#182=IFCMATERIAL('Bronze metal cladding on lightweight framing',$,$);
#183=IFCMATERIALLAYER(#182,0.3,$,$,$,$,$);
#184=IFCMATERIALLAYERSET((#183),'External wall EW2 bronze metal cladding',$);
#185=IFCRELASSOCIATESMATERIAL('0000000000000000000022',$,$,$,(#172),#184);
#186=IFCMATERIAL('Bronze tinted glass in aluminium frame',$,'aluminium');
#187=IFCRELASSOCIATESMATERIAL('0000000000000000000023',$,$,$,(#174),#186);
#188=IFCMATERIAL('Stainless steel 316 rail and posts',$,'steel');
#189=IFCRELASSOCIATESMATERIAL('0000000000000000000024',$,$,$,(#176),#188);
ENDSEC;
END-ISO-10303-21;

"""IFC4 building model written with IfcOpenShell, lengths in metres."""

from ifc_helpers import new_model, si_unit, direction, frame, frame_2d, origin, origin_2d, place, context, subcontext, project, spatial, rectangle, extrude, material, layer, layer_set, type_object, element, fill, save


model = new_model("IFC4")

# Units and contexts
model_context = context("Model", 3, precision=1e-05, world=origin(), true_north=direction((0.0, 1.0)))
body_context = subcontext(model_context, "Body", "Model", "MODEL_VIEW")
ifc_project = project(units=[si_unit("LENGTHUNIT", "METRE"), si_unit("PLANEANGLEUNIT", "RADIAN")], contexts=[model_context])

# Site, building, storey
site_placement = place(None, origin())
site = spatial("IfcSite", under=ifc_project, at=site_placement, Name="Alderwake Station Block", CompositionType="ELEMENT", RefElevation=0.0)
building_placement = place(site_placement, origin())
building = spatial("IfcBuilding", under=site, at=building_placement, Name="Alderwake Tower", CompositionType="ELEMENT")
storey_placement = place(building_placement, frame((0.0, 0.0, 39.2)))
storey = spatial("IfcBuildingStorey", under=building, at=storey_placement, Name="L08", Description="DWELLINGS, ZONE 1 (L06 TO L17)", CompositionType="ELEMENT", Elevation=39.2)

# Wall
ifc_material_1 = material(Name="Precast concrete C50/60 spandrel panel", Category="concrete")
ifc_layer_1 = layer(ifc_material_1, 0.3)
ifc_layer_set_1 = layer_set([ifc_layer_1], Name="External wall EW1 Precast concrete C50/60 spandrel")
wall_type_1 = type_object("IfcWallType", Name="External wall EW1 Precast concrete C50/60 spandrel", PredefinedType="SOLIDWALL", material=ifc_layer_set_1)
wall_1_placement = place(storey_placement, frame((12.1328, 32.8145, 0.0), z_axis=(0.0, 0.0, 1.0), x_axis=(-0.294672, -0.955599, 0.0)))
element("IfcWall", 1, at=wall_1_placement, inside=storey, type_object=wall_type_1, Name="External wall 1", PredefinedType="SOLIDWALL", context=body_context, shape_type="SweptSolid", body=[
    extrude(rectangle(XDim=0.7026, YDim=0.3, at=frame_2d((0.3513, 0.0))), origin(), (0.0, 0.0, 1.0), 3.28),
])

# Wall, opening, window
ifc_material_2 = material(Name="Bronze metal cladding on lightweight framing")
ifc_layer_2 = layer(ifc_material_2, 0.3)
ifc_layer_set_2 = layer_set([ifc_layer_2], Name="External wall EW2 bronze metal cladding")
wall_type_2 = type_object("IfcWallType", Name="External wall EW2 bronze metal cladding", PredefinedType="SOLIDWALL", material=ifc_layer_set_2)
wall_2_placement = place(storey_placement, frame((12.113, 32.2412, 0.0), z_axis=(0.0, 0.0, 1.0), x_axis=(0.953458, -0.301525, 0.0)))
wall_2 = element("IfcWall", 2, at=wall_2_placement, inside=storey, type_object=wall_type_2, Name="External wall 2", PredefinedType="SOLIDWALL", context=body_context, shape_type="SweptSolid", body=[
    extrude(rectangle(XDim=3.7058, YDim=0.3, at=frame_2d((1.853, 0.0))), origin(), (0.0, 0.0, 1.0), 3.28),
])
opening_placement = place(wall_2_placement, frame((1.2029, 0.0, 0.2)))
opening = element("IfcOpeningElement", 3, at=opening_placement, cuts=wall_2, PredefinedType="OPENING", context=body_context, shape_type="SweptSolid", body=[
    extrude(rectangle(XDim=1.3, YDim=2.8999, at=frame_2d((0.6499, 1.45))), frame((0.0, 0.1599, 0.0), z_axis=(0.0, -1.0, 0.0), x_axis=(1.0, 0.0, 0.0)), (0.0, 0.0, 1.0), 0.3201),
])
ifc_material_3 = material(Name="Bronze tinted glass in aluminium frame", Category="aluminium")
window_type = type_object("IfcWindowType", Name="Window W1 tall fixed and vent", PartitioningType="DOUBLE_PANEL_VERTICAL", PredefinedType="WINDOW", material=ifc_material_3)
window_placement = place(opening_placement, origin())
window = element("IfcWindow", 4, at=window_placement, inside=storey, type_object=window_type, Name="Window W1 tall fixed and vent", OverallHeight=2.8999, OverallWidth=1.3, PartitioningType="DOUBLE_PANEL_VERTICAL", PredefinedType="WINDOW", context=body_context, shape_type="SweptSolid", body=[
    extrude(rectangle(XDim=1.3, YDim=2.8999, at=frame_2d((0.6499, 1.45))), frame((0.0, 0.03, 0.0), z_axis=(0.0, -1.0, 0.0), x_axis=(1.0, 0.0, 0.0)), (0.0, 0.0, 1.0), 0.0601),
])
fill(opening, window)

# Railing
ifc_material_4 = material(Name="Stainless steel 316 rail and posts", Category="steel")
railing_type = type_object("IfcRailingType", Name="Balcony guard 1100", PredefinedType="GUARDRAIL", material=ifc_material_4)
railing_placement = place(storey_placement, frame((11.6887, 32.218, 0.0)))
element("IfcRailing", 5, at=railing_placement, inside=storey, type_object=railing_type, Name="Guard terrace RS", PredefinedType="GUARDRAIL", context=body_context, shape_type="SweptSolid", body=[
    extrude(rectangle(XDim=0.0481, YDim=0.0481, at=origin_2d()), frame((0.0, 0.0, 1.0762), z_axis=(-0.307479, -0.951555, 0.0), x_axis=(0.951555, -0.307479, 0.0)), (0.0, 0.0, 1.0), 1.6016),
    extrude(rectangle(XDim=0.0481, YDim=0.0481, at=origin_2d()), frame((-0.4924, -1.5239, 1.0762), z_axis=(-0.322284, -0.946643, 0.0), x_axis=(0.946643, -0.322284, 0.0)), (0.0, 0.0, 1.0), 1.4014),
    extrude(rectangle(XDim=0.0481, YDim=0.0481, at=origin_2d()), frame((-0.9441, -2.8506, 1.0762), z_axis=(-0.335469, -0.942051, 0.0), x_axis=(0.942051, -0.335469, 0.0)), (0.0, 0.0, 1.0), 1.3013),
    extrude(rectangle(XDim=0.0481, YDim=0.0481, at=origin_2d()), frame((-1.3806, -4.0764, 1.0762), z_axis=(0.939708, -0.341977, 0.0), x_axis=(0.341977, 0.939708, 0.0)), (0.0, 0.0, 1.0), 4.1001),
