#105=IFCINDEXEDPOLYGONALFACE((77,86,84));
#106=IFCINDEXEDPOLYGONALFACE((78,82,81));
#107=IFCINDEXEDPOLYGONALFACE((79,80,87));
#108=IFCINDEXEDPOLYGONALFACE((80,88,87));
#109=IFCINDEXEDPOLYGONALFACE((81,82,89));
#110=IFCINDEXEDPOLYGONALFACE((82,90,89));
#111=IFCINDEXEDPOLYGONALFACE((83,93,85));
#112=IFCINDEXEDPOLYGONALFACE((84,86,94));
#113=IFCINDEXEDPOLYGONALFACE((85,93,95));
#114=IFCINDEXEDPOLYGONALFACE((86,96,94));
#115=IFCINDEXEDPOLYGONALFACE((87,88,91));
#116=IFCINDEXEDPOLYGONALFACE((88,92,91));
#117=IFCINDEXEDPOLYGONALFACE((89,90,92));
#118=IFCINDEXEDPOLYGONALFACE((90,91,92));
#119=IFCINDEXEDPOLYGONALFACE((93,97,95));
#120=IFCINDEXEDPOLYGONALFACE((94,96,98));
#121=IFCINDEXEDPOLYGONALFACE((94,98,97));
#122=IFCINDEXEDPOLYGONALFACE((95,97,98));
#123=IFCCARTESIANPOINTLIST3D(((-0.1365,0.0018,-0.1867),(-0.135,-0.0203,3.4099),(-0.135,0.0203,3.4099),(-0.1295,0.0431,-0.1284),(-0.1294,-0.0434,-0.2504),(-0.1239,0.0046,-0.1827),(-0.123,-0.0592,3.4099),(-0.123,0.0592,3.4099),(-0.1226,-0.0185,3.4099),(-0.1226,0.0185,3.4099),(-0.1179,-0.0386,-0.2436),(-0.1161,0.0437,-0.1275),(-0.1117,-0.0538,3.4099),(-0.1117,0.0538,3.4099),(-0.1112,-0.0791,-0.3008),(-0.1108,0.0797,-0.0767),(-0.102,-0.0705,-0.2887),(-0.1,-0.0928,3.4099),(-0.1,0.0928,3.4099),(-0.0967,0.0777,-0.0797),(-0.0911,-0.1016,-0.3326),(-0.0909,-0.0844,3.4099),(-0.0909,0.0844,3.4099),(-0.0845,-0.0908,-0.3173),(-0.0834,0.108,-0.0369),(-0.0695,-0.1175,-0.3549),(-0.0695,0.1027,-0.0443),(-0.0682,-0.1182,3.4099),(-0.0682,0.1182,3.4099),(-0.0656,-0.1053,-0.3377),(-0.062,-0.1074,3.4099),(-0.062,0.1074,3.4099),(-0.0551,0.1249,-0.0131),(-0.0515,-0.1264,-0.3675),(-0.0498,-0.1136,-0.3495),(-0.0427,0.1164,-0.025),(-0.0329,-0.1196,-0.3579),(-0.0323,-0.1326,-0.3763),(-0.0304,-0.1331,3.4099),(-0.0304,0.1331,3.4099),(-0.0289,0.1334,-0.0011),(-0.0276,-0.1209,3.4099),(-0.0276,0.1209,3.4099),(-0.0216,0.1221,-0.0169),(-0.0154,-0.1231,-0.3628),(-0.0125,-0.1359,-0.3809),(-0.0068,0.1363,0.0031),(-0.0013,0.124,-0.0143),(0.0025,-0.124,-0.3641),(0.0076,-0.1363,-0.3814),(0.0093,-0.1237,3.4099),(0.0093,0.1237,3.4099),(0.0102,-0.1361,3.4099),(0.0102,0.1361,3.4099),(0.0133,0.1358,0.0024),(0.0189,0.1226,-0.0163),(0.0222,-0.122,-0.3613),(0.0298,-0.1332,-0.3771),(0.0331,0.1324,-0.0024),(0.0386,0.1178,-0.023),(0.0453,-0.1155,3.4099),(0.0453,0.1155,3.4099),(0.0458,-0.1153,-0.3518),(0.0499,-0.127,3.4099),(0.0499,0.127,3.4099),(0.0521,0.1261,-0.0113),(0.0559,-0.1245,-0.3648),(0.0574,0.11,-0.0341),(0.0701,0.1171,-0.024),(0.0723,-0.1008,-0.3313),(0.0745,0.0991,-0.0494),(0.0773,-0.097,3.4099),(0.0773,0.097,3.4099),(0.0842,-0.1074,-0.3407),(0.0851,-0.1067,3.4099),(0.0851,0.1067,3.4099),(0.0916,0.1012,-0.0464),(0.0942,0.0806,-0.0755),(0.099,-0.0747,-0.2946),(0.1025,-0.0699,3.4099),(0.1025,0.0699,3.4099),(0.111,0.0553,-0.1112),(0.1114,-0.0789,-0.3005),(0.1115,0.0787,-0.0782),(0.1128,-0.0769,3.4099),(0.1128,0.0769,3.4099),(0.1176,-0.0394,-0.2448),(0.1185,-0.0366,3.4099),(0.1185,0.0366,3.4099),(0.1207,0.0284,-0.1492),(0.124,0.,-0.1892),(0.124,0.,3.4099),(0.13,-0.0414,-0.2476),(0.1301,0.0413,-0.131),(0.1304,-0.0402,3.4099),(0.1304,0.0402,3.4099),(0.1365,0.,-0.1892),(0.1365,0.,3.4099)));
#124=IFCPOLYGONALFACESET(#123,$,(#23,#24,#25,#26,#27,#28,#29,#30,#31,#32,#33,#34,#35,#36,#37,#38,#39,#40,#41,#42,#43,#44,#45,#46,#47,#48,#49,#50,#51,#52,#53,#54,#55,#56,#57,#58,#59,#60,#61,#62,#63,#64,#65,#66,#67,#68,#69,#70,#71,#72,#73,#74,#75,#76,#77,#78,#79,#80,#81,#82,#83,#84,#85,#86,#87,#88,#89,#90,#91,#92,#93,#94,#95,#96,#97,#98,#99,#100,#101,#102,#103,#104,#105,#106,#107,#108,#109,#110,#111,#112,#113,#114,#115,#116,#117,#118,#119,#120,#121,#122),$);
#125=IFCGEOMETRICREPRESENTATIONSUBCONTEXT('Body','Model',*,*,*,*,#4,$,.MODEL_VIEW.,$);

- **About this exercise**
Your answer should consist only of the lines above between the line holding "#110=IFCINDEXEDPOLYGONALFACE((82,90,89));" and the line holding "#117=IFCINDEXEDPOLYGONALFACE((89,90,92));", inclusive, each transcribed exactly.

- **Exercise output**
#110=IFCINDEXEDPOLYGONALFACE((82,90,89));
#111=IFCINDEXEDPOLYGONALFACE((83,93,85));
#112=IFCINDEXEDPOLYGONALFACE((84,86,94));
#113=IFCINDEXEDPOLYGONALFACE((85,93,95));
#114=IFCINDEXEDPOLYGONALFACE((86,96,94));
#115=IFCINDEXEDPOLYGONALFACE((87,88,91));
#116=IFCINDEXEDPOLYGONALFACE((88,92,91));
#117=IFCINDEXEDPOLYGONALFACE((89,90,92));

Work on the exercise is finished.